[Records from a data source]
--------------------
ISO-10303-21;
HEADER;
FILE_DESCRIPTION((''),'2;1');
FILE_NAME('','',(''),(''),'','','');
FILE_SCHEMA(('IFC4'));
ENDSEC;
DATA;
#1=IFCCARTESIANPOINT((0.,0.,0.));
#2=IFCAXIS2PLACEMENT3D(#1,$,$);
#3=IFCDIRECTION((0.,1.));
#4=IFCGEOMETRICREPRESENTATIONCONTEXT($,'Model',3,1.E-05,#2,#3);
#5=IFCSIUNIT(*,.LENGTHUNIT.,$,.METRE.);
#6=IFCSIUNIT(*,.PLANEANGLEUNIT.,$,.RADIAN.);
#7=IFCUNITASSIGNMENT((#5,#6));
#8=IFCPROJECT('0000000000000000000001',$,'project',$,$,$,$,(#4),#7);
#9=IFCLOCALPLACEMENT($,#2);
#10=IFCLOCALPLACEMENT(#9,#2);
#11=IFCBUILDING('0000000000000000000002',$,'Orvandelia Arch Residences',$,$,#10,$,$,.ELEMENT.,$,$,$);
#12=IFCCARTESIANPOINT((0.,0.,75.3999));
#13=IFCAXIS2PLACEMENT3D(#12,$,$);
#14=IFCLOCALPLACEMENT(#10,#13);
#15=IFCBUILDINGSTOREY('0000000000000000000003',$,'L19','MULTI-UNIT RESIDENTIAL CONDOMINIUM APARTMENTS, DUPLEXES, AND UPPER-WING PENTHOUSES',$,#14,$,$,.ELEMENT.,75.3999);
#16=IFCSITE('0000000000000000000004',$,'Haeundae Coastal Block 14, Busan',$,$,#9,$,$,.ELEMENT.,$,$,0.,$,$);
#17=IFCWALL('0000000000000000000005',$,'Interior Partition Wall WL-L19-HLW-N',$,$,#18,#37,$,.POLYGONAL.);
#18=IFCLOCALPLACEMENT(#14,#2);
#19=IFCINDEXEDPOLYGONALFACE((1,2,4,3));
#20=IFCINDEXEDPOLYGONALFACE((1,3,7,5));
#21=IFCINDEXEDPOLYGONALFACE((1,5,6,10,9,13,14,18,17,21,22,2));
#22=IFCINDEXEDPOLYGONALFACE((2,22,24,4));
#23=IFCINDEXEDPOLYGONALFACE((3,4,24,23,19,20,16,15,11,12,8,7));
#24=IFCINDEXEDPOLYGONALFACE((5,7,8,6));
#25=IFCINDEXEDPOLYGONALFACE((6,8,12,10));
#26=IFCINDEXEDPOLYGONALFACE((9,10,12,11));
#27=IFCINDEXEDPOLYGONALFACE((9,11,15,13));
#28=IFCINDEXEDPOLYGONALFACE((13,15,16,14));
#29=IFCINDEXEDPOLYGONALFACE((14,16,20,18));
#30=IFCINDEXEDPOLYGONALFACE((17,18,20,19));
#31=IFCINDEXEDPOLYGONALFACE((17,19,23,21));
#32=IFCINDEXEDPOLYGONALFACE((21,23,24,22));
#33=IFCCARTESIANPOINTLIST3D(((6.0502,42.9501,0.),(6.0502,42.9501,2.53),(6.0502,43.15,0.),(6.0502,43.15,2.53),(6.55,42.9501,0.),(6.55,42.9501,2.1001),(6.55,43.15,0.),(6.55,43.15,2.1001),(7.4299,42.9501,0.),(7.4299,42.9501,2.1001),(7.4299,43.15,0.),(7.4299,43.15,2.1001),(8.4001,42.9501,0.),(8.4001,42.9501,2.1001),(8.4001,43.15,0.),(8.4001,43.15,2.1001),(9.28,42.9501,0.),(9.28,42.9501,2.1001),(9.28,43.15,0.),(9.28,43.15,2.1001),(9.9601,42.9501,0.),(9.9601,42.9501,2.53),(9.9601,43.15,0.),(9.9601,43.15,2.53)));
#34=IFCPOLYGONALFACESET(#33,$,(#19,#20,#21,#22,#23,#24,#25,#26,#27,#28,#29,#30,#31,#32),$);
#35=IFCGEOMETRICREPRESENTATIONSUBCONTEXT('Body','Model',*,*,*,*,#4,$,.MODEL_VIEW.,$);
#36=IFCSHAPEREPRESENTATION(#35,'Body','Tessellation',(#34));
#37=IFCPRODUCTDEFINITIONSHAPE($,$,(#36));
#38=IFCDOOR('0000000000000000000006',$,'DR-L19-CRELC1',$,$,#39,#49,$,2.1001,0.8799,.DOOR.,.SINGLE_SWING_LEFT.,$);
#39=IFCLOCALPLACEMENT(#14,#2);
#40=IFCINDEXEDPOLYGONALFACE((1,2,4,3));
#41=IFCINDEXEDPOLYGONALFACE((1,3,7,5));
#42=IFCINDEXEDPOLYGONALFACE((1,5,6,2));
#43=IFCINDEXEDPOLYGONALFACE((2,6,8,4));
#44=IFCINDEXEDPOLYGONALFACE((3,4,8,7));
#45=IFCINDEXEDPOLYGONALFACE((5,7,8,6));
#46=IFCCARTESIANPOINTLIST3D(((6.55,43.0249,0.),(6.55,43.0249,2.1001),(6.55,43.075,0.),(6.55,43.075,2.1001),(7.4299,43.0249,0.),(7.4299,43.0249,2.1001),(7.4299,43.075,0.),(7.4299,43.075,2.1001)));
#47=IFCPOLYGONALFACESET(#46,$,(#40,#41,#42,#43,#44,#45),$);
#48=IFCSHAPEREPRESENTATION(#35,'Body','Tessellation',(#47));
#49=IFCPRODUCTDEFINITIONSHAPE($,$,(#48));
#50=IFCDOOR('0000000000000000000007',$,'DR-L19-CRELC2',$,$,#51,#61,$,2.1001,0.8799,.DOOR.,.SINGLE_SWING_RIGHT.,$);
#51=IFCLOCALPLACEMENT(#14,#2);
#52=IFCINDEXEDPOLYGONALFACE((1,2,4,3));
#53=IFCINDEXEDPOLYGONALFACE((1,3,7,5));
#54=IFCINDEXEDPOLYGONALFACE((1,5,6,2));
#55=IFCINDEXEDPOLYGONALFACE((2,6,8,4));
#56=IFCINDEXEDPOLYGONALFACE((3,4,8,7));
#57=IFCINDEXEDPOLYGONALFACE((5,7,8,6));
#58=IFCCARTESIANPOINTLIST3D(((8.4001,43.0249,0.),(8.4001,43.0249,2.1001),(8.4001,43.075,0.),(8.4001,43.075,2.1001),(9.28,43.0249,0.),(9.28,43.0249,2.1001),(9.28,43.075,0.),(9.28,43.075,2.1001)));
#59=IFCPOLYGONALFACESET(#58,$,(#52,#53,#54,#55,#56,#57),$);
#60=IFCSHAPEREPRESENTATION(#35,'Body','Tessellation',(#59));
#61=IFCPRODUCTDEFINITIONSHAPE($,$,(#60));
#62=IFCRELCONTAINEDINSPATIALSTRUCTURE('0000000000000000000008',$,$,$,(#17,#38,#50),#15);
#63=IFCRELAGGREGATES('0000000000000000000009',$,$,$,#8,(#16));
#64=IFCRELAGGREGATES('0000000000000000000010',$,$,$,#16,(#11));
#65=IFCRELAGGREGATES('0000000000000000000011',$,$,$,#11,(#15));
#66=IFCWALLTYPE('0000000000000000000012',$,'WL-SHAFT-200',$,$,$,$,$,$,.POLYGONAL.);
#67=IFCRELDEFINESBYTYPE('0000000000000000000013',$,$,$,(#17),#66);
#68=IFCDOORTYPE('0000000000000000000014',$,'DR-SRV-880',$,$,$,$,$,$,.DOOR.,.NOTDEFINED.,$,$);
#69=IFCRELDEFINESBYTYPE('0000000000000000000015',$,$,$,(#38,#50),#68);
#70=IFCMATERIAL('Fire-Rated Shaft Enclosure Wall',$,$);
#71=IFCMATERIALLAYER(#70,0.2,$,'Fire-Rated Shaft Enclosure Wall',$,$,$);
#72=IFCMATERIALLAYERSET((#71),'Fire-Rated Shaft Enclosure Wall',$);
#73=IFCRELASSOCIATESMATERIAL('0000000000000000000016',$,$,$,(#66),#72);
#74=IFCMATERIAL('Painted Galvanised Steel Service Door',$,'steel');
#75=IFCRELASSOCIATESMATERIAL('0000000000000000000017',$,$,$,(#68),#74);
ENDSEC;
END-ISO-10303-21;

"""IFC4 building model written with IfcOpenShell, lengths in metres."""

from ifc_helpers import new_model, si_unit, direction, frame, frame_2d, origin, place, context, subcontext, project, spatial, rectangle, extrude, material, layer, layer_set, type_object, element, fill, save


model = new_model("IFC4")

# Units and contexts
model_context = context("Model", 3, precision=1e-05, world=origin(), true_north=direction((0.0, 1.0)))
body_context = subcontext(model_context, "Body", "Model", "MODEL_VIEW")
ifc_project = project(units=[si_unit("LENGTHUNIT", "METRE"), si_unit("PLANEANGLEUNIT", "RADIAN")], contexts=[model_context])

# Site, building, storey
site_placement = place(None, origin())
site = spatial("IfcSite", under=ifc_project, at=site_placement, Name="Haeundae Coastal Block 14, Busan", CompositionType="ELEMENT", RefElevation=0.0)
building_placement = place(site_placement, origin())
building = spatial("IfcBuilding", under=site, at=building_placement, Name="Orvandelia Arch Residences", CompositionType="ELEMENT")
storey_placement = place(building_placement, frame((0.0, 0.0, 75.3999)))
storey = spatial("IfcBuildingStorey", under=building, at=storey_placement, Name="L19", Description="MULTI-UNIT RESIDENTIAL CONDOMINIUM APARTMENTS, DUPLEXES, AND UPPER-WING PENTHOUSES", CompositionType="ELEMENT", Elevation=75.3999)

# Wall, openings, doors
ifc_material_1 = material(Name="Fire-Rated Shaft Enclosure Wall")
ifc_layer_1 = layer(ifc_material_1, 0.2, Name="Fire-Rated Shaft Enclosure Wall")
ifc_layer_set_1 = layer_set([ifc_layer_1], Name="Fire-Rated Shaft Enclosure Wall")
wall_type_1 = type_object("IfcWallType", Name="WL-SHAFT-200", PredefinedType="POLYGONAL", material=ifc_layer_set_1)
wall_1_placement = place(storey_placement, frame((6.05, 43.05, 0.0), z_axis=(0.0, 0.0, 1.0), x_axis=(1.0, 0.0, 0.0)))
wall_1 = element("IfcWall", 1, at=wall_1_placement, inside=storey, type_object=wall_type_1, Name="Interior Partition Wall WL-L19-HLW-N", PredefinedType="POLYGONAL", context=body_context, shape_type="SweptSolid", body=[
    extrude(rectangle(XDim=3.9099, YDim=0.2, at=frame_2d((1.9551, 0.0))), origin(), (0.0, 0.0, 1.0), 2.53),
])
opening_1_placement = place(wall_1_placement, frame((0.5, 0.0, 0.0)))
opening_1 = element("IfcOpeningElement", 2, at=opening_1_placement, cuts=wall_1, PredefinedType="OPENING", context=body_context, shape_type="SweptSolid", body=[
    extrude(rectangle(XDim=0.8799, YDim=2.1001, at=frame_2d((0.4399, 1.05))), frame((0.0, 0.1099, 0.0), z_axis=(0.0, -1.0, 0.0), x_axis=(1.0, 0.0, 0.0)), (0.0, 0.0, 1.0), 0.22),
])
opening_2_placement = place(wall_1_placement, frame((2.3501, 0.0, 0.0)))
opening_2 = element("IfcOpeningElement", 3, at=opening_2_placement, cuts=wall_1, PredefinedType="OPENING", context=body_context, shape_type="SweptSolid", body=[
    extrude(rectangle(XDim=0.8799, YDim=2.1001, at=frame_2d((0.4399, 1.05))), frame((0.0, 0.1099, 0.0), z_axis=(0.0, -1.0, 0.0), x_axis=(1.0, 0.0, 0.0)), (0.0, 0.0, 1.0), 0.22),
])
ifc_material_2 = material(Name="Painted Galvanised Steel Service Door", Category="steel")
door_type = type_object("IfcDoorType", Name="DR-SRV-880", OperationType="NOTDEFINED", PredefinedType="DOOR", material=ifc_material_2)
door_1_placement = place(opening_1_placement, origin())
door_1 = element("IfcDoor", 4, at=door_1_placement, inside=storey, type_object=door_type, Name="DR-L19-CRELC1", OperationType="SINGLE_SWING_LEFT", OverallHeight=2.1001, OverallWidth=0.8799, PredefinedType="DOOR", context=body_context, shape_type="SweptSolid", body=[
    extrude(rectangle(XDim=0.8799, YDim=2.1001, at=frame_2d((0.4399, 1.05))), frame((0.0, 0.0249, 0.0), z_axis=(0.0, -1.0, 0.0), x_axis=(1.0, 0.0, 0.0)), (0.0, 0.0, 1.0), 0.05),
])
fill(opening_1, door_1)
door_2_placement = place(opening_2_placement, origin())
door_2 = element("IfcDoor", 5, at=door_2_placement, inside=storey, type_object=door_type, Name="DR-L19-CRELC2", OperationType="SINGLE_SWING_RIGHT", OverallHeight=2.1001, OverallWidth=0.8799, PredefinedType="DOOR", context=body_context, shape_type="SweptSolid", body=[
    extrude(rectangle(XDim=0.8799, YDim=2.1001, at=frame_2d((0.4399, 1.05))), frame((0.0, 0.0249, 0.0), z_axis=(0.0, -1.0, 0.0), x_axis=(1.0, 0.0, 0.0)), (0.0, 0.0, 1.0), 0.05),
])
fill(opening_2, door_2)

save(model, "model.ifc")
--------------------
Task instructions: Using the entries above, quote each line verbatim from the first through the line that contains "AND UPPER-WING PENTHOUSES',$,#14,$,$,.ELEMENT.,75.3999);".

Answer box:
ISO-10303-21;
HEADER;
FILE_DESCRIPTION((''),'2;1');
FILE_NAME('','',(''),(''),'','','');
FILE_SCHEMA(('IFC4'));
ENDSEC;
DATA;
#1=IFCCARTESIANPOINT((0.,0.,0.));
#2=IFCAXIS2PLACEMENT3D(#1,$,$);
#3=IFCDIRECTION((0.,1.));
#4=IFCGEOMETRICREPRESENTATIONCONTEXT($,'Model',3,1.E-05,#2,#3);
#5=IFCSIUNIT(*,.LENGTHUNIT.,$,.METRE.);
#6=IFCSIUNIT(*,.PLANEANGLEUNIT.,$,.RADIAN.);
#7=IFCUNITASSIGNMENT((#5,#6));
#8=IFCPROJECT('0000000000000000000001',$,'project',$,$,$,$,(#4),#7);
#9=IFCLOCALPLACEMENT($,#2);
#10=IFCLOCALPLACEMENT(#9,#2);
#11=IFCBUILDING('0000000000000000000002',$,'Orvandelia Arch Residences',$,$,#10,$,$,.ELEMENT.,$,$,$);
#12=IFCCARTESIANPOINT((0.,0.,75.3999));
#13=IFCAXIS2PLACEMENT3D(#12,$,$);
#14=IFCLOCALPLACEMENT(#10,#13);
#15=IFCBUILDINGSTOREY('0000000000000000000003',$,'L19','MULTI-UNIT RESIDENTIAL CONDOMINIUM APARTMENTS, DUPLEXES, AND UPPER-WING PENTHOUSES',$,#14,$,$,.ELEMENT.,75.3999);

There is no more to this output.